Data:
▽
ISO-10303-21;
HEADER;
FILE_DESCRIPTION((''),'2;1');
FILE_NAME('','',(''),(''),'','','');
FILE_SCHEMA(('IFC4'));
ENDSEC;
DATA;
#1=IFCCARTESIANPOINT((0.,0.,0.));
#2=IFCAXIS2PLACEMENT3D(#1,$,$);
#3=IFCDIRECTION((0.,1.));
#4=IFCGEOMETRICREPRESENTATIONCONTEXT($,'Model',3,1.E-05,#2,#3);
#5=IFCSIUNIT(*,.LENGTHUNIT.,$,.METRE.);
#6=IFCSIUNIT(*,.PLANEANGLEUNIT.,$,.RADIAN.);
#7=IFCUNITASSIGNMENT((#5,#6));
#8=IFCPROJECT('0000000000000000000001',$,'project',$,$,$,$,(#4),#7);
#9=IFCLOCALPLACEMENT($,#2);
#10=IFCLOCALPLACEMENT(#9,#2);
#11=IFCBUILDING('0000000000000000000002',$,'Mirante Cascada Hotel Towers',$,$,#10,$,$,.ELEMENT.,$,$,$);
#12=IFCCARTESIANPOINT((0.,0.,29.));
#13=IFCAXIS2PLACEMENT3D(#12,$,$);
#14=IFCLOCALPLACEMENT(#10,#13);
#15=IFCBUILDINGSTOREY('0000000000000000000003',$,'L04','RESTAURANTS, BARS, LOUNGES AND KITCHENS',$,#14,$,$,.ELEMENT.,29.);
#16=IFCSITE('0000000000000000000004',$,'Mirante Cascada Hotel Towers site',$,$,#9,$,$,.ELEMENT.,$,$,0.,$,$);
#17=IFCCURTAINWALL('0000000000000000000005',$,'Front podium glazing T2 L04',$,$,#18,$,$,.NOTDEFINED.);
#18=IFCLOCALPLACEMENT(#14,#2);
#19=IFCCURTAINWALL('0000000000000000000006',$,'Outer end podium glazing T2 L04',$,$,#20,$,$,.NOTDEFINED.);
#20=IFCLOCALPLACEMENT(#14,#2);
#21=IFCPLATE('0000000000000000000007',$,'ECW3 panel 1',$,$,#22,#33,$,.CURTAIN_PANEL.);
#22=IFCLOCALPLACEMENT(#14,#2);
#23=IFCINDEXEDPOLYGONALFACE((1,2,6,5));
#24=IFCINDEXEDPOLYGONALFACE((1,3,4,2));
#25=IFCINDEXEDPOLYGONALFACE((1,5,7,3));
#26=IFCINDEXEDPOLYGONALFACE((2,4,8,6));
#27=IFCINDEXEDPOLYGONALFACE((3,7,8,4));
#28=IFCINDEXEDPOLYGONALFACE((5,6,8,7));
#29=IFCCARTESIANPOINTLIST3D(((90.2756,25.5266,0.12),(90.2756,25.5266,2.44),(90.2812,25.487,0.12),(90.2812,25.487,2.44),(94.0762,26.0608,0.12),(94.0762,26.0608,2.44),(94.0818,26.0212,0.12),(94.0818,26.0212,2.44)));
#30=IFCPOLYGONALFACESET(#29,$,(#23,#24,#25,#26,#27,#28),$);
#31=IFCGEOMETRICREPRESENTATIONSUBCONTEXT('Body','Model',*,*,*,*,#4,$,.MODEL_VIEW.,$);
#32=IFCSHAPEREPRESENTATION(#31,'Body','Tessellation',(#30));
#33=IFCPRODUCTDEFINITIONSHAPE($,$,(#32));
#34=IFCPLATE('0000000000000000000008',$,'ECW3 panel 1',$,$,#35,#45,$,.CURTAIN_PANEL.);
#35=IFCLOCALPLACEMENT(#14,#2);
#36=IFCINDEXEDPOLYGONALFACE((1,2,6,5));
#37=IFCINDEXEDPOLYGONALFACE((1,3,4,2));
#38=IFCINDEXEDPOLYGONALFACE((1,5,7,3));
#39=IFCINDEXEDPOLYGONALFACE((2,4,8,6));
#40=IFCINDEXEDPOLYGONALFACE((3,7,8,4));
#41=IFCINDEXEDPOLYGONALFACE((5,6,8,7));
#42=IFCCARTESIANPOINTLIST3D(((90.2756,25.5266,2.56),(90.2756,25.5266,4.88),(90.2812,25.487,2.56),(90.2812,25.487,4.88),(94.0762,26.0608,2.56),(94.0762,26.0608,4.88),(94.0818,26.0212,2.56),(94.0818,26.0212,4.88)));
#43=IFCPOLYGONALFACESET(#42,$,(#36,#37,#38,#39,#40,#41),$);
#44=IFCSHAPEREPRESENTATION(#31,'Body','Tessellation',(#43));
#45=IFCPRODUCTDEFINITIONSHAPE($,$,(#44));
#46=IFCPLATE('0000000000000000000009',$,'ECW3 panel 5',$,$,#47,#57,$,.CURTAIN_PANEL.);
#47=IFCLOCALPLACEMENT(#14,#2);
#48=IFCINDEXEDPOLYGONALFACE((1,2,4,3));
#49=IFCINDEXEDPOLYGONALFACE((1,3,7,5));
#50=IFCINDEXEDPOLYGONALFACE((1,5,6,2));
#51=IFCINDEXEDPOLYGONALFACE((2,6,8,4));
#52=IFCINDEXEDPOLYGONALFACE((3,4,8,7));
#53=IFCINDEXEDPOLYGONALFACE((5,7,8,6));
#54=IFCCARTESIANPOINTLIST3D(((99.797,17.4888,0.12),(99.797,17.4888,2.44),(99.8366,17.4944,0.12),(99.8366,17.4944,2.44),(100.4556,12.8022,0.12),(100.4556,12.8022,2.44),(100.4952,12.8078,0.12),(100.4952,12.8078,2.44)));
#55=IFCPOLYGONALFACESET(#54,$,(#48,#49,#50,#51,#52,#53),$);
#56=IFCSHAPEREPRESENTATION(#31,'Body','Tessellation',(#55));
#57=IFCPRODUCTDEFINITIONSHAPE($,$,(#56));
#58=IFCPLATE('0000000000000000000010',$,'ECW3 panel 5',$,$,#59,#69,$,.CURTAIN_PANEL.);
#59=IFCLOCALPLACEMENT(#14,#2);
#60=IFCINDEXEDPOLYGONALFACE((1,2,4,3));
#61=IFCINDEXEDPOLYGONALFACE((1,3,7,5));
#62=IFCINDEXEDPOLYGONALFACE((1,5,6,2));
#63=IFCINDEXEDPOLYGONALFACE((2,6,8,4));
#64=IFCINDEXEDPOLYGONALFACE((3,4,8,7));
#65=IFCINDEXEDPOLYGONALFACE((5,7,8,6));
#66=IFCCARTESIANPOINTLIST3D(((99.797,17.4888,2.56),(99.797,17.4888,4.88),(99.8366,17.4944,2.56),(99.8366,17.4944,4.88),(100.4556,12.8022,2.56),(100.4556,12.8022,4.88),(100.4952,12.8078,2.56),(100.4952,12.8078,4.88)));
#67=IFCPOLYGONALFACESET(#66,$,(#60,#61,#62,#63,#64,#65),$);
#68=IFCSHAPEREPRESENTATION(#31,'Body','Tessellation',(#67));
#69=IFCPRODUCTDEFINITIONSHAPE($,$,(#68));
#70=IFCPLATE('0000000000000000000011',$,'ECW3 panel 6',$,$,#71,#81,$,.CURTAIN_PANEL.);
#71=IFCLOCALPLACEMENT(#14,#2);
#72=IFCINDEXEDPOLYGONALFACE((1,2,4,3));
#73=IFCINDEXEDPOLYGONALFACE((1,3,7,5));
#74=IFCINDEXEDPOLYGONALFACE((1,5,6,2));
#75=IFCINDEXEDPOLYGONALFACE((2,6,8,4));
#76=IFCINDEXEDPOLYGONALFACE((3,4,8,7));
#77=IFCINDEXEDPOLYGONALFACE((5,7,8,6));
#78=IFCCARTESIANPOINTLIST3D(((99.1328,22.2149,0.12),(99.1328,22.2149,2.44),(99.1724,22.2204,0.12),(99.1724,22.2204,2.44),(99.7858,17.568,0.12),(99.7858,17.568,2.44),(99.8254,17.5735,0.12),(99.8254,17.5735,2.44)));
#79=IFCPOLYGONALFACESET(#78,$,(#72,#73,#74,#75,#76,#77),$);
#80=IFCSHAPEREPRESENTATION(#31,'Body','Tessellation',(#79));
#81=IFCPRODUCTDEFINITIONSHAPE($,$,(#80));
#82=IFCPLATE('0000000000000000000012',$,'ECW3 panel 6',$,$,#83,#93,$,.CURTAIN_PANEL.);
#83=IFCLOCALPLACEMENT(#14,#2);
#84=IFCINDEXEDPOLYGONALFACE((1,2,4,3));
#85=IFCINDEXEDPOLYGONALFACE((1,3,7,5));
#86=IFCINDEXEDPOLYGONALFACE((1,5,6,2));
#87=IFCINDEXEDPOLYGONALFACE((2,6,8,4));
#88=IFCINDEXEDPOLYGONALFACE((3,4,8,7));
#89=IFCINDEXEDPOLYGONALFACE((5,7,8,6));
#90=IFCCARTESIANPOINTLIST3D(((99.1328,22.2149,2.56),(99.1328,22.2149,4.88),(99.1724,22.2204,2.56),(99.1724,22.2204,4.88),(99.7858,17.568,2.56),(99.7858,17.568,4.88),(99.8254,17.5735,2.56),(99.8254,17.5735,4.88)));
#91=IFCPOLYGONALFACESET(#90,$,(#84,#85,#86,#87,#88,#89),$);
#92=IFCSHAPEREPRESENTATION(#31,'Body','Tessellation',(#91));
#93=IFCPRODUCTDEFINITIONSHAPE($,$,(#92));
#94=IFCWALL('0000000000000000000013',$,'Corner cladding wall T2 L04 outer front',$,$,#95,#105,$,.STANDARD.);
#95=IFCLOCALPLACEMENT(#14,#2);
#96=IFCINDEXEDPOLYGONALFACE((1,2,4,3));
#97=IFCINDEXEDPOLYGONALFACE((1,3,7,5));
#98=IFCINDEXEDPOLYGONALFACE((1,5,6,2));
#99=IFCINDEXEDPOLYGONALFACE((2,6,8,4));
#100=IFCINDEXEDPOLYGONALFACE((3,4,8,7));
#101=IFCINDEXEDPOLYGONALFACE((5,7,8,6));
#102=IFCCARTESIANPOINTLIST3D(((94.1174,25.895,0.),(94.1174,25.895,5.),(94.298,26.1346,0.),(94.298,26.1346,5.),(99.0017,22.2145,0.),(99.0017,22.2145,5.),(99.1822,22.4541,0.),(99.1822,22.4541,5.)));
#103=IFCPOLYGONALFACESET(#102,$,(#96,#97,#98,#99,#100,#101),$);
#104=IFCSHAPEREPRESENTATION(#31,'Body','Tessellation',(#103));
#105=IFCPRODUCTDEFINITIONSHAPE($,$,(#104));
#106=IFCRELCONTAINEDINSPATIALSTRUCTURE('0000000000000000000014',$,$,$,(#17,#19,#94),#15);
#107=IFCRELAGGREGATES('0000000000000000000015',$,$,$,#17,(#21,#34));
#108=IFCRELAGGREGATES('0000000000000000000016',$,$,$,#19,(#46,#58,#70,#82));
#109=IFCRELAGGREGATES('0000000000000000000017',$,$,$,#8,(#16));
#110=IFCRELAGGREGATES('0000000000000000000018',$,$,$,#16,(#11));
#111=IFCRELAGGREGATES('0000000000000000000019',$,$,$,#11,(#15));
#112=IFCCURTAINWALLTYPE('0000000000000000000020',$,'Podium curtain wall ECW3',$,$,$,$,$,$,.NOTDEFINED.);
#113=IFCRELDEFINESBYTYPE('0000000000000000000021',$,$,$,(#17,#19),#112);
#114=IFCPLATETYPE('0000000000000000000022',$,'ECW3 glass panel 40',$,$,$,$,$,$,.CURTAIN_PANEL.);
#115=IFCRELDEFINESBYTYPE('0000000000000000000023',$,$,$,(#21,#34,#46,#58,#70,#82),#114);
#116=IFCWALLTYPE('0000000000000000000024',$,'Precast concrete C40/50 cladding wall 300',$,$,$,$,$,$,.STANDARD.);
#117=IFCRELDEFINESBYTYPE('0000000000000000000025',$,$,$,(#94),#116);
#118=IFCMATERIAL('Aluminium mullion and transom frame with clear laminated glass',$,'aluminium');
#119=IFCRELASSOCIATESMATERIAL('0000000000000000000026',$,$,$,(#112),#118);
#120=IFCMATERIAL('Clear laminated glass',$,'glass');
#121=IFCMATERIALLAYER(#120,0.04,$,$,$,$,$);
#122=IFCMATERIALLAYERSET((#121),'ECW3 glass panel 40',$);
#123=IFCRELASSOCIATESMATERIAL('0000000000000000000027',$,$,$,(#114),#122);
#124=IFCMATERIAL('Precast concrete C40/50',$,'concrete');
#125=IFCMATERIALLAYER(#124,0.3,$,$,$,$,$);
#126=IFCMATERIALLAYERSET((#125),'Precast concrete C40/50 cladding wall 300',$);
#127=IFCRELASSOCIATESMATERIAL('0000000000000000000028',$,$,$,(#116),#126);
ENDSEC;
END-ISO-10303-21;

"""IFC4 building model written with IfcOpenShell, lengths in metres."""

from ifc_helpers import new_model, si_unit, direction, frame, frame_2d, origin, origin_2d, place, context, subcontext, project, spatial, rectangle, extrude, material, layer, layer_set, type_object, element, aggregate, save


model = new_model("IFC4")

# Units and contexts
model_context = context("Model", 3, precision=1e-05, world=origin(), true_north=direction((0.0, 1.0)))
body_context = subcontext(model_context, "Body", "Model", "MODEL_VIEW")
ifc_project = project(units=[si_unit("LENGTHUNIT", "METRE"), si_unit("PLANEANGLEUNIT", "RADIAN")], contexts=[model_context])

# Site, building, storey
site_placement = place(None, origin())
site = spatial("IfcSite", under=ifc_project, at=site_placement, Name="Mirante Cascada Hotel Towers site", CompositionType="ELEMENT", RefElevation=0.0)
building_placement = place(site_placement, origin())
building = spatial("IfcBuilding", under=site, at=building_placement, Name="Mirante Cascada Hotel Towers", CompositionType="ELEMENT")
storey_placement = place(building_placement, frame((0.0, 0.0, 29.0)))
storey = spatial("IfcBuildingStorey", under=building, at=storey_placement, Name="L04", Description="RESTAURANTS, BARS, LOUNGES AND KITCHENS", CompositionType="ELEMENT", Elevation=29.0)

# Curtain walls
ifc_material_1 = material(Name="Aluminium mullion and transom frame with clear laminated glass", Category="aluminium")
curtain_wall_type = type_object("IfcCurtainWallType", Name="Podium curtain wall ECW3", PredefinedType="NOTDEFINED", material=ifc_material_1)
curtain_wall_1_placement = place(storey_placement, origin())
curtain_wall_1 = element("IfcCurtainWall", 1, at=curtain_wall_1_placement, inside=storey, type_object=curtain_wall_type, Name="Front podium glazing T2 L04", PredefinedType="NOTDEFINED")
curtain_wall_2_placement = place(storey_placement, origin())
curtain_wall_2 = element("IfcCurtainWall", 2, at=curtain_wall_2_placement, inside=storey, type_object=curtain_wall_type, Name="Outer end podium glazing T2 L04", PredefinedType="NOTDEFINED")

# Plates
ifc_material_2 = material(Name="Clear laminated glass", Category="glass")
ifc_layer_1 = layer(ifc_material_2, 0.04)
ifc_layer_set_1 = layer_set([ifc_layer_1], Name="ECW3 glass panel 40")
plate_type = type_object("IfcPlateType", Name="ECW3 glass panel 40", PredefinedType="CURTAIN_PANEL", material=ifc_layer_set_1)
plate_1_placement = place(storey_placement, frame((92.1787, 25.7739, 0.12), z_axis=(0.0, 0.0, 1.0), x_axis=(-0.990268, -0.139173, 0.0)))
plate_1 = element("IfcPlate", 3, at=plate_1_placement, type_object=plate_type, Name="ECW3 panel 1", PredefinedType="CURTAIN_PANEL", context=body_context, shape_type="SweptSolid", body=[
    extrude(rectangle(XDim=3.8379, YDim=0.04, at=origin_2d()), origin(), (0.0, 0.0, 1.0), 2.32),
])
plate_2_placement = place(storey_placement, frame((92.1787, 25.7739, 2.56), z_axis=(0.0, 0.0, 1.0), x_axis=(-0.990268, -0.139173, 0.0)))
plate_2 = element("IfcPlate", 4, at=plate_2_placement, type_object=plate_type, Name="ECW3 panel 1", PredefinedType="CURTAIN_PANEL", context=body_context, shape_type="SweptSolid", body=[
    extrude(rectangle(XDim=3.8379, YDim=0.04, at=origin_2d()), origin(), (0.0, 0.0, 1.0), 2.32),
])
aggregate(curtain_wall_1, [plate_1, plate_2])
plate_3_placement = place(storey_placement, frame((100.1461, 15.1483, 0.12), z_axis=(0.0, 0.0, 1.0), x_axis=(-0.139173, 0.990268, 0.0)))
plate_3 = element("IfcPlate", 5, at=plate_3_placement, type_object=plate_type, Name="ECW3 panel 5", PredefinedType="CURTAIN_PANEL", context=body_context, shape_type="SweptSolid", body=[
    extrude(rectangle(XDim=4.7326, YDim=0.04, at=origin_2d()), origin(), (0.0, 0.0, 1.0), 2.32),
])
plate_4_placement = place(storey_placement, frame((100.1461, 15.1483, 2.56), z_axis=(0.0, 0.0, 1.0), x_axis=(-0.139173, 0.990268, 0.0)))
plate_4 = element("IfcPlate", 6, at=plate_4_placement, type_object=plate_type, Name="ECW3 panel 5", PredefinedType="CURTAIN_PANEL", context=body_context, shape_type="SweptSolid", body=[
    extrude(rectangle(XDim=4.7326, YDim=0.04, at=origin_2d()), origin(), (0.0, 0.0, 1.0), 2.32),
])
plate_5_placement = place(storey_placement, frame((99.4791, 19.8942, 0.12), z_axis=(0.0, 0.0, 1.0), x_axis=(-0.139173, 0.990268, 0.0)))
plate_5 = element("IfcPlate", 7, at=plate_5_placement, type_object=plate_type, Name="ECW3 panel 6", PredefinedType="CURTAIN_PANEL", context=body_context, shape_type="SweptSolid", body=[
    extrude(rectangle(XDim=4.6926, YDim=0.04, at=origin_2d()), origin(), (0.0, 0.0, 1.0), 2.32),
])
△
Reprint exactly the lines above that start at the one with "#56=IFCSHAPEREPRESENTATION(#31,'Body','Tessellation',(#55));" and end at the one with "#86=IFCINDEXEDPOLYGONALFACE((1,5,6,2));", keeping both and adding none.

Answer box:
#56=IFCSHAPEREPRESENTATION(#31,'Body','Tessellation',(#55));
#57=IFCPRODUCTDEFINITIONSHAPE($,$,(#56));
#58=IFCPLATE('0000000000000000000010',$,'ECW3 panel 5',$,$,#59,#69,$,.CURTAIN_PANEL.);
#59=IFCLOCALPLACEMENT(#14,#2);
#60=IFCINDEXEDPOLYGONALFACE((1,2,4,3));
#61=IFCINDEXEDPOLYGONALFACE((1,3,7,5));
#62=IFCINDEXEDPOLYGONALFACE((1,5,6,2));
#63=IFCINDEXEDPOLYGONALFACE((2,6,8,4));
#64=IFCINDEXEDPOLYGONALFACE((3,4,8,7));
#65=IFCINDEXEDPOLYGONALFACE((5,7,8,6));
#66=IFCCARTESIANPOINTLIST3D(((99.797,17.4888,2.56),(99.797,17.4888,4.88),(99.8366,17.4944,2.56),(99.8366,17.4944,4.88),(100.4556,12.8022,2.56),(100.4556,12.8022,4.88),(100.4952,12.8078,2.56),(100.4952,12.8078,4.88)));
#67=IFCPOLYGONALFACESET(#66,$,(#60,#61,#62,#63,#64,#65),$);
#68=IFCSHAPEREPRESENTATION(#31,'Body','Tessellation',(#67));
#69=IFCPRODUCTDEFINITIONSHAPE($,$,(#68));
#70=IFCPLATE('0000000000000000000011',$,'ECW3 panel 6',$,$,#71,#81,$,.CURTAIN_PANEL.);
#71=IFCLOCALPLACEMENT(#14,#2);
#72=IFCINDEXEDPOLYGONALFACE((1,2,4,3));
#73=IFCINDEXEDPOLYGONALFACE((1,3,7,5));
#74=IFCINDEXEDPOLYGONALFACE((1,5,6,2));
#75=IFCINDEXEDPOLYGONALFACE((2,6,8,4));
#76=IFCINDEXEDPOLYGONALFACE((3,4,8,7));
#77=IFCINDEXEDPOLYGONALFACE((5,7,8,6));
#78=IFCCARTESIANPOINTLIST3D(((99.1328,22.2149,0.12),(99.1328,22.2149,2.44),(99.1724,22.2204,0.12),(99.1724,22.2204,2.44),(99.7858,17.568,0.12),(99.7858,17.568,2.44),(99.8254,17.5735,0.12),(99.8254,17.5735,2.44)));
#79=IFCPOLYGONALFACESET(#78,$,(#72,#73,#74,#75,#76,#77),$);
#80=IFCSHAPEREPRESENTATION(#31,'Body','Tessellation',(#79));
#81=IFCPRODUCTDEFINITIONSHAPE($,$,(#80));
#82=IFCPLATE('0000000000000000000012',$,'ECW3 panel 6',$,$,#83,#93,$,.CURTAIN_PANEL.);
#83=IFCLOCALPLACEMENT(#14,#2);
#84=IFCINDEXEDPOLYGONALFACE((1,2,4,3));
#85=IFCINDEXEDPOLYGONALFACE((1,3,7,5));
#86=IFCINDEXEDPOLYGONALFACE((1,5,6,2));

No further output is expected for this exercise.